• [Exercise goal]
Look through the listing below for lines containing "IFCPOLYGONALFACESET". State how many there are, and nothing else.
==== The input
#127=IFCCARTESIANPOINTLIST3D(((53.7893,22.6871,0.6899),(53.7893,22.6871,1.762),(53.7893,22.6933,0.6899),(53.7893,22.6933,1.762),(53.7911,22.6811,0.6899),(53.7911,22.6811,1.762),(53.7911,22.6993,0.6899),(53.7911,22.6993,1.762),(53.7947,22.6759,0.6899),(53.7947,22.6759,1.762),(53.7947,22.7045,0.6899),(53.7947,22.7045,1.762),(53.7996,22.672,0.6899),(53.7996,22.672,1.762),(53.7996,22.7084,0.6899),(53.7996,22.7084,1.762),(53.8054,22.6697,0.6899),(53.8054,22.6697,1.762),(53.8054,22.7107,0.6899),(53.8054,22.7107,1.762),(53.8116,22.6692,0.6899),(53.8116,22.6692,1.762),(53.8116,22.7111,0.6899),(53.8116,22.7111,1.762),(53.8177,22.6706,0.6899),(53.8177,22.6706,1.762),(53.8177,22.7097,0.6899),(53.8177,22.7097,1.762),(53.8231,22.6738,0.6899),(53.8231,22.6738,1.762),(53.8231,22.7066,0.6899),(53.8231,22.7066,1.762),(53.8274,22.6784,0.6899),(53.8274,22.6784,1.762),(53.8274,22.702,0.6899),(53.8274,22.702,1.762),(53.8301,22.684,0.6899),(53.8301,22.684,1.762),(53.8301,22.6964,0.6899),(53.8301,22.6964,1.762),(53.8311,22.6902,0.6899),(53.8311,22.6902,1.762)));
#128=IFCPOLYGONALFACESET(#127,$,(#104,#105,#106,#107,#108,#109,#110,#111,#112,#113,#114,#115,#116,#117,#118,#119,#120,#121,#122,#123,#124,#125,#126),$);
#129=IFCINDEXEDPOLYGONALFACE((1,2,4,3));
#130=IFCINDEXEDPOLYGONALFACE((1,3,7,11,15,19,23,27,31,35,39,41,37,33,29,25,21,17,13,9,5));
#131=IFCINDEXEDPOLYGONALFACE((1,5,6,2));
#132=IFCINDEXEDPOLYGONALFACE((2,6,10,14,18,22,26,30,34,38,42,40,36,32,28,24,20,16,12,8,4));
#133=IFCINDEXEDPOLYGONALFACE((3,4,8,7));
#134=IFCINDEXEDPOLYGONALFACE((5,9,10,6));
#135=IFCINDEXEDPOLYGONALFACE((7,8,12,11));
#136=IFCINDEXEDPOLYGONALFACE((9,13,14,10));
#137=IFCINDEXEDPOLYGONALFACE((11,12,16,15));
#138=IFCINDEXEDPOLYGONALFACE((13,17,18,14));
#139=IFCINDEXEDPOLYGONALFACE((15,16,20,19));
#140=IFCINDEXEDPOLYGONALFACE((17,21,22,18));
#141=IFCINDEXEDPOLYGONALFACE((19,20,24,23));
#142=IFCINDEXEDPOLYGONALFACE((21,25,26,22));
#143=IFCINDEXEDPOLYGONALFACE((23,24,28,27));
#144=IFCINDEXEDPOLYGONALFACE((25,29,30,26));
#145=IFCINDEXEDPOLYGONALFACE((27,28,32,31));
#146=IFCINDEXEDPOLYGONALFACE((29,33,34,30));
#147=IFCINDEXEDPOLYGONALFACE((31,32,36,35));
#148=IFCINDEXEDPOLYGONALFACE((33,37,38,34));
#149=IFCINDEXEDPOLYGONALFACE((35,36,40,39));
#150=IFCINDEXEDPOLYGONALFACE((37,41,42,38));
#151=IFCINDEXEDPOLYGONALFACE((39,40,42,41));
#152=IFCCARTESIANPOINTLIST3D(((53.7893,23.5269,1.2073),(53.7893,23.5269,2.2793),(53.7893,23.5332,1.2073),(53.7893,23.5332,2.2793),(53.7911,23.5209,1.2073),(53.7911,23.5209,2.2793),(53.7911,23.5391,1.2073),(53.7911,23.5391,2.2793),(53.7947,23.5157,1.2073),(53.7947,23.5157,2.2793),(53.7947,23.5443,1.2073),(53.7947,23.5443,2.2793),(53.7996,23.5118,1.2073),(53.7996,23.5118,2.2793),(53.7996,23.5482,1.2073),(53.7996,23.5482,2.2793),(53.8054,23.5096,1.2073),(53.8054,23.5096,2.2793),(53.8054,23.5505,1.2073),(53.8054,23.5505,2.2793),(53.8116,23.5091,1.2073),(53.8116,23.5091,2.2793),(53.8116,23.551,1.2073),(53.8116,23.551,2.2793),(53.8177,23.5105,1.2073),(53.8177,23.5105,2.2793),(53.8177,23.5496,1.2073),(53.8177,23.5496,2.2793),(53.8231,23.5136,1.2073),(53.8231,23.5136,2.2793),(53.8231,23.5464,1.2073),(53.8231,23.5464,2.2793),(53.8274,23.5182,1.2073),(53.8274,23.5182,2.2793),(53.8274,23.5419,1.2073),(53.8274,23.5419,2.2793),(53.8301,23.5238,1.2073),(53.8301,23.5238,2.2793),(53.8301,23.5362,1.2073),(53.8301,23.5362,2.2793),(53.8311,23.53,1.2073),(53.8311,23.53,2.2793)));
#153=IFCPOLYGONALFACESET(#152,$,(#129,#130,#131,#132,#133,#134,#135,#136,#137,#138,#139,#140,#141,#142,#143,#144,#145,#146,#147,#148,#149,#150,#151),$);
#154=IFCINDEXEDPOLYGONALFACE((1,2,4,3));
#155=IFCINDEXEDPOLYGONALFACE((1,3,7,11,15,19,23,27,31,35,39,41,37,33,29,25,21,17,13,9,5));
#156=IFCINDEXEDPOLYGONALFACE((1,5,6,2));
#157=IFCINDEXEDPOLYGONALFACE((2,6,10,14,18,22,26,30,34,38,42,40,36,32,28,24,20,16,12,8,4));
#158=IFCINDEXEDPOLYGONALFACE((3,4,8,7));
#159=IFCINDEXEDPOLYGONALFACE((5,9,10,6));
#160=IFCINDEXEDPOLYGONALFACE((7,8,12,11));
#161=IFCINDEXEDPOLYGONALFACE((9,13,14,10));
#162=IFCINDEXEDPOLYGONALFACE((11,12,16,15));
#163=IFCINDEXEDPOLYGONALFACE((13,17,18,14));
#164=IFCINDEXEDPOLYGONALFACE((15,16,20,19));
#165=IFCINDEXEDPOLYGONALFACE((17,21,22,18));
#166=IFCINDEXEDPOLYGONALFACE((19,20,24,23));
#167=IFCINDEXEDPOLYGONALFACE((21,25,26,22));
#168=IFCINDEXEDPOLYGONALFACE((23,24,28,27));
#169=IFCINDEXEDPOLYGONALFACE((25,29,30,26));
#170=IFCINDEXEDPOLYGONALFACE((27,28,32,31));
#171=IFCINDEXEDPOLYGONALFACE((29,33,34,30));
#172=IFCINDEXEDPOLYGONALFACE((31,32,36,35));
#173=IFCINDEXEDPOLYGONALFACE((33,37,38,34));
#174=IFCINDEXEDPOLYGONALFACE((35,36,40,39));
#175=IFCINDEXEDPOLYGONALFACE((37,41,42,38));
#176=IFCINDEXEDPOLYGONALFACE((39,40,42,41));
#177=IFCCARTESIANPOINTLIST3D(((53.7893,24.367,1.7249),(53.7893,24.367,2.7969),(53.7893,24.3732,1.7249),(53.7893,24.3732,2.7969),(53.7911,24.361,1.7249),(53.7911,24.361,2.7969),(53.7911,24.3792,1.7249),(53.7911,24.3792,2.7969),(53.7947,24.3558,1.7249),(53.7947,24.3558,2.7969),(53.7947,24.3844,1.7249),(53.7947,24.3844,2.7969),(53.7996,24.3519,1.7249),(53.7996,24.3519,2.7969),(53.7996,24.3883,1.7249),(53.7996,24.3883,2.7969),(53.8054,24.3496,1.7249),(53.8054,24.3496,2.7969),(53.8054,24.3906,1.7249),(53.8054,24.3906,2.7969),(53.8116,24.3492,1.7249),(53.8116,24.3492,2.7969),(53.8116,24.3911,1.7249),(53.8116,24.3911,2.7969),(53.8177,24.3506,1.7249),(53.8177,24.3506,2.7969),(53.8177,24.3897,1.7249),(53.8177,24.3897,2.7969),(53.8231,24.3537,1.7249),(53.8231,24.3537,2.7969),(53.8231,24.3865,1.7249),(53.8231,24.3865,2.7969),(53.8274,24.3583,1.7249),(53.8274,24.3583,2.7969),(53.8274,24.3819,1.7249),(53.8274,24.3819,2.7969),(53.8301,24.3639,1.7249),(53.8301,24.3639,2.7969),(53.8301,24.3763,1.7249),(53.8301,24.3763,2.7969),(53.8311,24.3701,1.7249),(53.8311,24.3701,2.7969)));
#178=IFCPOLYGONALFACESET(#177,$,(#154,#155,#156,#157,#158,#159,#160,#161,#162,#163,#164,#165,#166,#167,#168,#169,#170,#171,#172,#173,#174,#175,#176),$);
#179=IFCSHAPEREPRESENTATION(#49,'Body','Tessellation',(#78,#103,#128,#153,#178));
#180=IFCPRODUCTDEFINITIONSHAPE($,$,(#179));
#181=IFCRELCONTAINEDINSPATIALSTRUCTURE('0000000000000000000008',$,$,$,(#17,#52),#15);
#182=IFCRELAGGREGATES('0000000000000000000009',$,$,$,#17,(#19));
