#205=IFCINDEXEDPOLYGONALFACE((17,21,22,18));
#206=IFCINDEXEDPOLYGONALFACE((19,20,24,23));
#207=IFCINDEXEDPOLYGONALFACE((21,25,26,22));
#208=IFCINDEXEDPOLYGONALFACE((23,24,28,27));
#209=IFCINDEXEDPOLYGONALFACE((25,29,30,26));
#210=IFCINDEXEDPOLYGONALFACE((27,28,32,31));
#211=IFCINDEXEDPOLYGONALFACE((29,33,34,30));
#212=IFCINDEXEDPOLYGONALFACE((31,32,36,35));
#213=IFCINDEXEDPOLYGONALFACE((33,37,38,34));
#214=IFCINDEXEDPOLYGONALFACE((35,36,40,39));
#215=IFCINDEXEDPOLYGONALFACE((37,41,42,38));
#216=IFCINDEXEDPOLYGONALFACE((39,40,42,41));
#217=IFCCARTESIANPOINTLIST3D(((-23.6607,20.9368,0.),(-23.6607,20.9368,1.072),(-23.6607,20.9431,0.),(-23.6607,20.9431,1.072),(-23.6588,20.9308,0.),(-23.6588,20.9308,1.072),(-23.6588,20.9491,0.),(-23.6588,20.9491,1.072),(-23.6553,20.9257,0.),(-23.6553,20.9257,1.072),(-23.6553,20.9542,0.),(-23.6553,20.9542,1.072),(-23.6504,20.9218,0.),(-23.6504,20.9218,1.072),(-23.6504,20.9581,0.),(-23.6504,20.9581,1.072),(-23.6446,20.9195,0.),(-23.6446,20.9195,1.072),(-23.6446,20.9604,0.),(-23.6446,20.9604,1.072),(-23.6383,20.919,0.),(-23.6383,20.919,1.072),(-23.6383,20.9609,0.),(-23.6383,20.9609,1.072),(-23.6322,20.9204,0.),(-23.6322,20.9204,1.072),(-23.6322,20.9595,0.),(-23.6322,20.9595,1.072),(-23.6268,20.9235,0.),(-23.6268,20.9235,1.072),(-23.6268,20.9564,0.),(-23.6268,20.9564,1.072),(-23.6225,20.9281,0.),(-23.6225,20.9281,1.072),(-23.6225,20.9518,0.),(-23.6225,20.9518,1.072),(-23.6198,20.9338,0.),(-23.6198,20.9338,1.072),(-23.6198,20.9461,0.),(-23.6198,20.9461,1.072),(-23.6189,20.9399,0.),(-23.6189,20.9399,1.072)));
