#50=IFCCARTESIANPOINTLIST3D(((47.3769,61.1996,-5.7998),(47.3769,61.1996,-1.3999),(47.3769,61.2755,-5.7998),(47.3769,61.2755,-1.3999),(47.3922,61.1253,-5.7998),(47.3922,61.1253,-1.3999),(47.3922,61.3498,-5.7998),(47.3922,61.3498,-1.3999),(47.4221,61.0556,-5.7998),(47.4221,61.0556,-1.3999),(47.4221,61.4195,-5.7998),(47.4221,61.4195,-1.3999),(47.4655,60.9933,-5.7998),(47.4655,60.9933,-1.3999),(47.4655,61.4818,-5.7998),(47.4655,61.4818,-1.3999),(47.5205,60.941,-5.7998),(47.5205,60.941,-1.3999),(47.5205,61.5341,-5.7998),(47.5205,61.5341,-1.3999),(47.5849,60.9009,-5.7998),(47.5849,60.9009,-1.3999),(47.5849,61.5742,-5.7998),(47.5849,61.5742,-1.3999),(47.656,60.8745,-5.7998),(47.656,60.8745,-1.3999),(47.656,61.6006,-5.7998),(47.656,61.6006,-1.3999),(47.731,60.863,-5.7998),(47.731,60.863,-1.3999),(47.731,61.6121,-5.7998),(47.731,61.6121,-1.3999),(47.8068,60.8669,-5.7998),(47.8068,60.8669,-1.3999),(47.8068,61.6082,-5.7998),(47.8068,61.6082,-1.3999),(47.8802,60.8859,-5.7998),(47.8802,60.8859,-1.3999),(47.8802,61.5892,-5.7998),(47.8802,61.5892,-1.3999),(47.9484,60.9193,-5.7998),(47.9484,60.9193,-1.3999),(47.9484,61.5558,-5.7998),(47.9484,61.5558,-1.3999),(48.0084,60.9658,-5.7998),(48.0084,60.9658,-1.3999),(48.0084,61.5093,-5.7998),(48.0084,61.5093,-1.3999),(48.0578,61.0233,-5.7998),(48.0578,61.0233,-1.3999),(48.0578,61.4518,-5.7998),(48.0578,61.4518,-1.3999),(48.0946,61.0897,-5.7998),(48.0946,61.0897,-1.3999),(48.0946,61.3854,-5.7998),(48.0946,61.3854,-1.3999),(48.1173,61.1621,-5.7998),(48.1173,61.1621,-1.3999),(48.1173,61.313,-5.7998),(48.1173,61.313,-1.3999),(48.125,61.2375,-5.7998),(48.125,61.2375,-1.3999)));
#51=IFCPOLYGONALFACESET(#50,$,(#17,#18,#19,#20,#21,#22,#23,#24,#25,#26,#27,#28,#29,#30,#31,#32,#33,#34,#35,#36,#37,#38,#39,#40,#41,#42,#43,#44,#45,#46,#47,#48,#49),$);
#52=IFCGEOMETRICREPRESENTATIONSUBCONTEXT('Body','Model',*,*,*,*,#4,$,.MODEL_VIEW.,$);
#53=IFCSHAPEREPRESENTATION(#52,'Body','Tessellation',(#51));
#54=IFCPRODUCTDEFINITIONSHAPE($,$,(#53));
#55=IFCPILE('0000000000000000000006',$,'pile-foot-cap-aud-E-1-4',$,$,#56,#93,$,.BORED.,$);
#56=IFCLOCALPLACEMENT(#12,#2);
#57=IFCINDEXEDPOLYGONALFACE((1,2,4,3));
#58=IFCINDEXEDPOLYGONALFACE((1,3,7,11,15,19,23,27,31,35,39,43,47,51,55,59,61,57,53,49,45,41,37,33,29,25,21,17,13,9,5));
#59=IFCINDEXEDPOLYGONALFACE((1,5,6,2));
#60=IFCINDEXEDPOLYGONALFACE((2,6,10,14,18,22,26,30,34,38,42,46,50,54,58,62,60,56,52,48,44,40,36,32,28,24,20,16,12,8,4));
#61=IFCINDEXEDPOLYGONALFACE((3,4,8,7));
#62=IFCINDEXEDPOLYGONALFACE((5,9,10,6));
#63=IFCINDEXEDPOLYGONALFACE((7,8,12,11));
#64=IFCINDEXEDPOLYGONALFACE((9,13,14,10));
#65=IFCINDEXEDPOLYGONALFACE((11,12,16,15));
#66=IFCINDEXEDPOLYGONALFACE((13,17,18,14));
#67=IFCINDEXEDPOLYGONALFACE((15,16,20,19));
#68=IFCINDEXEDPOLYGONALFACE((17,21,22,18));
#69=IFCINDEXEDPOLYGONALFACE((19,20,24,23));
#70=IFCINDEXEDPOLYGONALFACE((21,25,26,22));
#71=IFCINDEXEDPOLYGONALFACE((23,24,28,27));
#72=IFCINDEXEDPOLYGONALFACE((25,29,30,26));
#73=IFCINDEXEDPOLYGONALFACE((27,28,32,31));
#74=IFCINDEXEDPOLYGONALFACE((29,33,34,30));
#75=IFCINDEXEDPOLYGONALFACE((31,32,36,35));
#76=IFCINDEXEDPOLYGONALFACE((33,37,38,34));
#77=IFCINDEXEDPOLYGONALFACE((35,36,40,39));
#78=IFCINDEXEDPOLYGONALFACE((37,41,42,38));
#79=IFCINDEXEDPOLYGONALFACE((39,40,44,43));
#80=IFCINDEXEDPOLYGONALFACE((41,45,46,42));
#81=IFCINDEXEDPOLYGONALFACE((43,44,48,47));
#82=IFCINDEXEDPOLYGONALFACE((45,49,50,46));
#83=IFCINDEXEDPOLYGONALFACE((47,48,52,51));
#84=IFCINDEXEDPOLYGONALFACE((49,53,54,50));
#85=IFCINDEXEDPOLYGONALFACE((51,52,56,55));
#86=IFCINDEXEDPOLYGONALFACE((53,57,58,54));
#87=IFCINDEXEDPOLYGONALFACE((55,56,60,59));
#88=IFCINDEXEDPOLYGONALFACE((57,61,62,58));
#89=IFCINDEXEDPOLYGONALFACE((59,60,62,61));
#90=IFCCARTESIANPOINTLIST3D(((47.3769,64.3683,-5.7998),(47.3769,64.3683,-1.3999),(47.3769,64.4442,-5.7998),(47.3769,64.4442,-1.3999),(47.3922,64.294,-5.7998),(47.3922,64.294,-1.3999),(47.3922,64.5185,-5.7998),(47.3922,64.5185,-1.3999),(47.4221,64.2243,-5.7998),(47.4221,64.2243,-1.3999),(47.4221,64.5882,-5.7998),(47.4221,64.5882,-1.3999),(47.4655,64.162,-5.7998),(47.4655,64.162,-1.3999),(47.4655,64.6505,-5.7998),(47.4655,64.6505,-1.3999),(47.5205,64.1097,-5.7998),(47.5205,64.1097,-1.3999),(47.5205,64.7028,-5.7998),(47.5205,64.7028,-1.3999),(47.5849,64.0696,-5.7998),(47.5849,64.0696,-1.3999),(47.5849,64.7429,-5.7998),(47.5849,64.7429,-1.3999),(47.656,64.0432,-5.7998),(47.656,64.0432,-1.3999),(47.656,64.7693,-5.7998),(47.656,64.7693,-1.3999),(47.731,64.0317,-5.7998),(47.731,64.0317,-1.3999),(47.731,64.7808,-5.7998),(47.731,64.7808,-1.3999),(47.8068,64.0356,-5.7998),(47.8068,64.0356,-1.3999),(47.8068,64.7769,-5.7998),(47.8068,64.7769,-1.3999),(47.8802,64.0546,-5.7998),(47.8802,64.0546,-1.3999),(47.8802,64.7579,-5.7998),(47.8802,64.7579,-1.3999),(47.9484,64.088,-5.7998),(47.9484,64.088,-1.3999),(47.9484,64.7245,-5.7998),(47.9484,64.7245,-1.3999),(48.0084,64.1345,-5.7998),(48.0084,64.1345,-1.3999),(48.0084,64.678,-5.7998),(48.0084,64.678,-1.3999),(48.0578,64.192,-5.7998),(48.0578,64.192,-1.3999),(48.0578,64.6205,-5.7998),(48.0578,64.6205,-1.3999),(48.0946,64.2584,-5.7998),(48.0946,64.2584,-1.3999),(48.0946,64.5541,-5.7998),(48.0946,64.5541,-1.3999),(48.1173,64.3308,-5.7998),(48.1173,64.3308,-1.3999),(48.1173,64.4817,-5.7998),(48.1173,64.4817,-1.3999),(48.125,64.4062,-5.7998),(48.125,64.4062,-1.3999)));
========
• [Exercise output]
4